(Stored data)

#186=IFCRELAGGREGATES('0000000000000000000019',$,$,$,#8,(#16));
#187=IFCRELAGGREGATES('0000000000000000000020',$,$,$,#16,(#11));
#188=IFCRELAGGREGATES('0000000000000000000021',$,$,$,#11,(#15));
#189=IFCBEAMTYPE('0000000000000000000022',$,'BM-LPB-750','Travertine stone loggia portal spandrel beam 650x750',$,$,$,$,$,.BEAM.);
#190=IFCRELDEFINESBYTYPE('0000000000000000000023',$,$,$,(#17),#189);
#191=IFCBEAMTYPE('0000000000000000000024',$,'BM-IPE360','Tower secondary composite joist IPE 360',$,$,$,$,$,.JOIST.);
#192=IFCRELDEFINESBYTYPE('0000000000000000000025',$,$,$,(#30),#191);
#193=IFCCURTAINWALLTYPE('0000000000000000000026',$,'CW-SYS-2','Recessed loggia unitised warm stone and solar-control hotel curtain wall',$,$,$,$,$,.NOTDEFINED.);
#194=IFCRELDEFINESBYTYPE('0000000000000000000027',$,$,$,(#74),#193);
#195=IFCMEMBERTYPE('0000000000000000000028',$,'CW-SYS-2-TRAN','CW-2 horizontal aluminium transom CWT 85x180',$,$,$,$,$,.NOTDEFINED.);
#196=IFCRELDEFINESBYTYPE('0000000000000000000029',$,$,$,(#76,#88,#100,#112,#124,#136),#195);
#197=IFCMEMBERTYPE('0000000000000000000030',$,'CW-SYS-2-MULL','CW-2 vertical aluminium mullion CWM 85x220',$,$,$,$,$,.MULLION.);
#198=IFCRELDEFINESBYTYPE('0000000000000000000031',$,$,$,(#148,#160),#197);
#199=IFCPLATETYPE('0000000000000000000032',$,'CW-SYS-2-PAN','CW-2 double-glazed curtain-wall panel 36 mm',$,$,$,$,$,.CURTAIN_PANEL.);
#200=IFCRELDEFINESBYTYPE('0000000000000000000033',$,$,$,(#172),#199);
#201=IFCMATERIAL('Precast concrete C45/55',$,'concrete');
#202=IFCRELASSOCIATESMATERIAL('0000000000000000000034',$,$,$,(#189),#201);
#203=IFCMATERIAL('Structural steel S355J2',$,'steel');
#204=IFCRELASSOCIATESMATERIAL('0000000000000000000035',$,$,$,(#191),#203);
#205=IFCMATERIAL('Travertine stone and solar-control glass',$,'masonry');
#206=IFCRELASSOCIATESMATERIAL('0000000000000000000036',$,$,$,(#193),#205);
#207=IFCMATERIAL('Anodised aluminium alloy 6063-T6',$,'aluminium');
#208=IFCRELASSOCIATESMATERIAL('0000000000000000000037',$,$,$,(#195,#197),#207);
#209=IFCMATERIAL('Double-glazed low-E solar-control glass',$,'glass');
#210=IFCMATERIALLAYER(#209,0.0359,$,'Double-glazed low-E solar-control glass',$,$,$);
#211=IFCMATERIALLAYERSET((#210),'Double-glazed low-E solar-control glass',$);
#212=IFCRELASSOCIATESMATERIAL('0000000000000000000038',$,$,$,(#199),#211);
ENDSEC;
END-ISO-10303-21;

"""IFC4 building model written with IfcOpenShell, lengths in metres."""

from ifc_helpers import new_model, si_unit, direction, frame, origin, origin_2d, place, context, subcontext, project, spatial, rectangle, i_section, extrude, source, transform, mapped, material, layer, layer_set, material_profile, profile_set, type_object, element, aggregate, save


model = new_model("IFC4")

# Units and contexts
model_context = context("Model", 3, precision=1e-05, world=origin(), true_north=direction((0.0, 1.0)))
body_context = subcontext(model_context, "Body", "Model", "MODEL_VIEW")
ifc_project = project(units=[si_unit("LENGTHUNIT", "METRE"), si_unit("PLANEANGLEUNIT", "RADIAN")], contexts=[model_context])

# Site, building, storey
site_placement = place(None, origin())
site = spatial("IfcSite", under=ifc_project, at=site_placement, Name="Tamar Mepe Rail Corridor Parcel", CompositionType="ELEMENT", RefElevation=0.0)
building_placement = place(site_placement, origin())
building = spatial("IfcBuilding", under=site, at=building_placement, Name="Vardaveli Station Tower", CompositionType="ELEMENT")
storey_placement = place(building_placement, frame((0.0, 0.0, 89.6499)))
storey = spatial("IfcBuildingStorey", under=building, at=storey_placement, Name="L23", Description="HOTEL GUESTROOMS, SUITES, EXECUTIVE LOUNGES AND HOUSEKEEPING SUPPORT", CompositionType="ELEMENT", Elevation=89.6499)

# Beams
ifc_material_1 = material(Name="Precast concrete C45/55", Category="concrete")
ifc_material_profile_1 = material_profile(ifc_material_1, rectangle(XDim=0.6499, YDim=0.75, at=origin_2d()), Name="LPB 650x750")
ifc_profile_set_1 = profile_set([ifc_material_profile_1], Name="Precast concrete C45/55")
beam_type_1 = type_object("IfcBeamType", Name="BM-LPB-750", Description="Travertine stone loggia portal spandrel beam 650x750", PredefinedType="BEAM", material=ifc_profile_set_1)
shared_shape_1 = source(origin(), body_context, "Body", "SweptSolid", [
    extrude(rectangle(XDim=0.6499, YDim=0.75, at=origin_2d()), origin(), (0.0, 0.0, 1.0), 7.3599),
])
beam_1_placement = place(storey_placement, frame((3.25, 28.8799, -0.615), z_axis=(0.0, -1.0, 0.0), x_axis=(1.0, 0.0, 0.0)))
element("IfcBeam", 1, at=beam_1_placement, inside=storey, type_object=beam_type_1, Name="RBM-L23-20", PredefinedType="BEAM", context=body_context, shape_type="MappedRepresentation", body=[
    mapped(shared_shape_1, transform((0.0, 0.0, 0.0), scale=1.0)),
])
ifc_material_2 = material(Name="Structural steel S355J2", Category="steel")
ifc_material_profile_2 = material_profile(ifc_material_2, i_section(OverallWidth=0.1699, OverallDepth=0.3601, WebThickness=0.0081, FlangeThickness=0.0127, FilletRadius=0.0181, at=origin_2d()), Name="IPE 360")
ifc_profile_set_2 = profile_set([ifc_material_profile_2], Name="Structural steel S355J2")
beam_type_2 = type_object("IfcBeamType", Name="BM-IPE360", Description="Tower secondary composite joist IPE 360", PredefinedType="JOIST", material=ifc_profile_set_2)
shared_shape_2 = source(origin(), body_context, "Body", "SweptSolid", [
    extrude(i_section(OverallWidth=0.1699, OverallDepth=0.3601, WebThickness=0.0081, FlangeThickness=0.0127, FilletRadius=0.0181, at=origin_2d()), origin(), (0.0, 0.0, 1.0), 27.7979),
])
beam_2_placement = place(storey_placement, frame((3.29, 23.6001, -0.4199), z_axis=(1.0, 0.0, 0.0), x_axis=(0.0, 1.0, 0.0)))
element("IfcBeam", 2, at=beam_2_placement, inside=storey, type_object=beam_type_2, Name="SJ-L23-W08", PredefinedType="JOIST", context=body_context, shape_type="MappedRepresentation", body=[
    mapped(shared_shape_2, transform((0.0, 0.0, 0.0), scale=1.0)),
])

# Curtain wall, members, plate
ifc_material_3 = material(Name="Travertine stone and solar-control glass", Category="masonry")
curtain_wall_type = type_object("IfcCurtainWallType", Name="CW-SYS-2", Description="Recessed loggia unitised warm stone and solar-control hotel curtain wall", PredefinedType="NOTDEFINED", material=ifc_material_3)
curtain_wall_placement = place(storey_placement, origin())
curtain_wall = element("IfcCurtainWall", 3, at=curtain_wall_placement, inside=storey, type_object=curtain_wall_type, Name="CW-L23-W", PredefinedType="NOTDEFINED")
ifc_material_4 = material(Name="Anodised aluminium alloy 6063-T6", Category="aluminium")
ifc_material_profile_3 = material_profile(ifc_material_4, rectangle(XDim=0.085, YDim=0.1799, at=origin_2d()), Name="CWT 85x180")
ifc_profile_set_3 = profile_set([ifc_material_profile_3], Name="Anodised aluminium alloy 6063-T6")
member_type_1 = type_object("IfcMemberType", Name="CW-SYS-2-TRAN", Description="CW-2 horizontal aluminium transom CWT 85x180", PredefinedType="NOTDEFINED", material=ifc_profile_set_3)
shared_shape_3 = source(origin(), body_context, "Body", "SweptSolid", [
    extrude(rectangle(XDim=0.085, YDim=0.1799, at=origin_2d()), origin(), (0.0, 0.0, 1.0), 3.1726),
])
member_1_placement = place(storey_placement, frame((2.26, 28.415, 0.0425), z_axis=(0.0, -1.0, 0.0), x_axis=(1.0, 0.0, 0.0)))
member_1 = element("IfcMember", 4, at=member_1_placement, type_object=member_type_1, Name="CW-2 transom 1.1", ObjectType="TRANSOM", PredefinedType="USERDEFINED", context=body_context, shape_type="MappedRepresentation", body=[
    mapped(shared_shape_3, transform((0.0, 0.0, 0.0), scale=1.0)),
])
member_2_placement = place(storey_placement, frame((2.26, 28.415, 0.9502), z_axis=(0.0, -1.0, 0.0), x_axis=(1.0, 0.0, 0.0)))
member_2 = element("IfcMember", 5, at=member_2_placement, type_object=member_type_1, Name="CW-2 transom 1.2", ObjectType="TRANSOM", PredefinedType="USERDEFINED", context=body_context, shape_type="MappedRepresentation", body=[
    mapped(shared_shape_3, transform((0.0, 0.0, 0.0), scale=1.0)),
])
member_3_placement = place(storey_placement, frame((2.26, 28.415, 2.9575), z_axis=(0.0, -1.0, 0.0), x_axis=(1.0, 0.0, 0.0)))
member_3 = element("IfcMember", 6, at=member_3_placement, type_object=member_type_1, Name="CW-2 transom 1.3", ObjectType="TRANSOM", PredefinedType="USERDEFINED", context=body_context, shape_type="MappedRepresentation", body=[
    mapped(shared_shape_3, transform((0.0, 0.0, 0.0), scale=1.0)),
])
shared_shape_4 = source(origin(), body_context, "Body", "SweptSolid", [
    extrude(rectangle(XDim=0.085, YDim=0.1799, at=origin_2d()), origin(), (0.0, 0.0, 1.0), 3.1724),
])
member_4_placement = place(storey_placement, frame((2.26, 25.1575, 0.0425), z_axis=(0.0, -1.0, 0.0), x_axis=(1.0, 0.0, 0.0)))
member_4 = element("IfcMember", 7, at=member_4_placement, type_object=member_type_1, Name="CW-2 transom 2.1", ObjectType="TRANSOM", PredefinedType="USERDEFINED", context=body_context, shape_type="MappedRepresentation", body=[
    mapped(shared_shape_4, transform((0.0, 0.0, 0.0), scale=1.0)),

* * *

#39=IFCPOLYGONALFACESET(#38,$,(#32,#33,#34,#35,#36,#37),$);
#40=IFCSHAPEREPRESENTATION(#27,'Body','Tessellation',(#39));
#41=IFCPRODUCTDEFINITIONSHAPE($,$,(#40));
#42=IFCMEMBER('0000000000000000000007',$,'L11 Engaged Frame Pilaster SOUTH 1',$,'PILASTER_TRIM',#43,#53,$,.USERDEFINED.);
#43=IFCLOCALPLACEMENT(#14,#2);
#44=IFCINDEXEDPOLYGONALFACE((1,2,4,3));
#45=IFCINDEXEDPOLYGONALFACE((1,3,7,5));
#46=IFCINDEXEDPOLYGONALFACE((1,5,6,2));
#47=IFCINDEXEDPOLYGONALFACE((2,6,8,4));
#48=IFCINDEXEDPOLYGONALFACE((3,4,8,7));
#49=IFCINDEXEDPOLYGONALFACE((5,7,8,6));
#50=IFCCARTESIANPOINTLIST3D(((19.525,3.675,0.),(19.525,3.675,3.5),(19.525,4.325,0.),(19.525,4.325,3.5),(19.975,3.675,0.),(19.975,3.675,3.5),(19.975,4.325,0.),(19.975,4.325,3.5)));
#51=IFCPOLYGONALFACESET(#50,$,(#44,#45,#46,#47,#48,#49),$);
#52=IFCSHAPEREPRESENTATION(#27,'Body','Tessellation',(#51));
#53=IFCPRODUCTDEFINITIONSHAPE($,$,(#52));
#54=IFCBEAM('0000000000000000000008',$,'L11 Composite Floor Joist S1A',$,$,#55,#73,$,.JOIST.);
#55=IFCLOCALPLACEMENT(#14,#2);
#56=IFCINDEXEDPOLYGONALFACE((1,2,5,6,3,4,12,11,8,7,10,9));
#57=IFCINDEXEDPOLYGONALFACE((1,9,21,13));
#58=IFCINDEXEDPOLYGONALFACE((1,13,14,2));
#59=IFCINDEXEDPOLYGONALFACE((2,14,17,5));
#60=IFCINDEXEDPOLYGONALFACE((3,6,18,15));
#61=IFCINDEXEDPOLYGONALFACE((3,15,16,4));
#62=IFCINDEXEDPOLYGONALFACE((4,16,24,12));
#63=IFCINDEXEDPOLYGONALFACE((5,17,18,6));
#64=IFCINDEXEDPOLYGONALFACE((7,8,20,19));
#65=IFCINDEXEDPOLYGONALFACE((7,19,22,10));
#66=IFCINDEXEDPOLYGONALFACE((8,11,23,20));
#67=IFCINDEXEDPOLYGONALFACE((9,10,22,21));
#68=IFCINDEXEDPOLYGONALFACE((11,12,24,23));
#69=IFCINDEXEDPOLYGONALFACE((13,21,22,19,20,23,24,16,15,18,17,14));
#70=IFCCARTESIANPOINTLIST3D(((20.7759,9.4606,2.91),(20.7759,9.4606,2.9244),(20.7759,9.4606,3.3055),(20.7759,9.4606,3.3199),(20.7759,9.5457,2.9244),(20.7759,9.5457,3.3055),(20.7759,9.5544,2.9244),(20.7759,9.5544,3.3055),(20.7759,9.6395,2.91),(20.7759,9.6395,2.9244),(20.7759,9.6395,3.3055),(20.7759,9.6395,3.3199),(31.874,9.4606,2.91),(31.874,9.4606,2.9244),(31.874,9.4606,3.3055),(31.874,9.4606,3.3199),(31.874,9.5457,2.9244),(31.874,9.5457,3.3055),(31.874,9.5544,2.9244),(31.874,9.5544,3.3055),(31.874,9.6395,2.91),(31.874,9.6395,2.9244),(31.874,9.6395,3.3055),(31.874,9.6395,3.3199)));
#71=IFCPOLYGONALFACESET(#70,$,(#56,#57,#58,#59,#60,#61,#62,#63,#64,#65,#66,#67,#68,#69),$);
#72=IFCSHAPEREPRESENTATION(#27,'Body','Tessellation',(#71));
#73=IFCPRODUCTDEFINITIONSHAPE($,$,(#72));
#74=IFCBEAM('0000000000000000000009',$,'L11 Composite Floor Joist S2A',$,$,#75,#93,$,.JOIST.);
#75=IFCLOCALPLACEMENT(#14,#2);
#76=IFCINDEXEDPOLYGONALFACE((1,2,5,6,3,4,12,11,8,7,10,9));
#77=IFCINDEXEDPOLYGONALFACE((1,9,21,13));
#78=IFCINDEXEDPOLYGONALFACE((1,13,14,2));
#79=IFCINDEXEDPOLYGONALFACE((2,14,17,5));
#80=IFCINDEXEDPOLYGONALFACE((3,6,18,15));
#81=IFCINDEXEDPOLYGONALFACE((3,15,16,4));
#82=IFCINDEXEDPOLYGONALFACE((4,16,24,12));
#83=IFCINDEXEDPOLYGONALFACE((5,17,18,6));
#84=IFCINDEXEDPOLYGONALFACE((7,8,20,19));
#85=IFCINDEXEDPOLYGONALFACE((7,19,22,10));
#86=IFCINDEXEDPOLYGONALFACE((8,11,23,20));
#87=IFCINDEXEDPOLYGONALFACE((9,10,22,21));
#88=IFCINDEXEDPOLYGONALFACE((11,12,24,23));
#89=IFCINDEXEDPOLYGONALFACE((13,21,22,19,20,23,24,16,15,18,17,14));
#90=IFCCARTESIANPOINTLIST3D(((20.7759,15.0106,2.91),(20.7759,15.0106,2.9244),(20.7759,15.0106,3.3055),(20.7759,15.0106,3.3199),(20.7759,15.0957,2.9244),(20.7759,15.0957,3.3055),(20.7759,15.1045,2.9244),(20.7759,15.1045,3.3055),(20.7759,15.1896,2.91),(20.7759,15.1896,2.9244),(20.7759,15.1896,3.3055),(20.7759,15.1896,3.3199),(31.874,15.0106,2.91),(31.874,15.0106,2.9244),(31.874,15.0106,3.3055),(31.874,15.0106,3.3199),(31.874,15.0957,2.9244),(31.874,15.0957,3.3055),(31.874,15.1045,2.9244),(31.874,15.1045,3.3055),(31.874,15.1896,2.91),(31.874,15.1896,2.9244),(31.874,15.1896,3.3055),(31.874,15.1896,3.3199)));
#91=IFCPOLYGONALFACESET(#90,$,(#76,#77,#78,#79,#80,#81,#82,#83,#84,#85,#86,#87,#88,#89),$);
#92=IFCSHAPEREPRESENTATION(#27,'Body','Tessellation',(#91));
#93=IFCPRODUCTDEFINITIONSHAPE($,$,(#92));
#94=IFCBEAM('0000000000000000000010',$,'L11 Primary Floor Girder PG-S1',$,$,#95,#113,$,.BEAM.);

(EXERCISE GOAL): The total, and nothing more: how many lines in the entries contain "OverallWidth"?

(RESPONSE): 2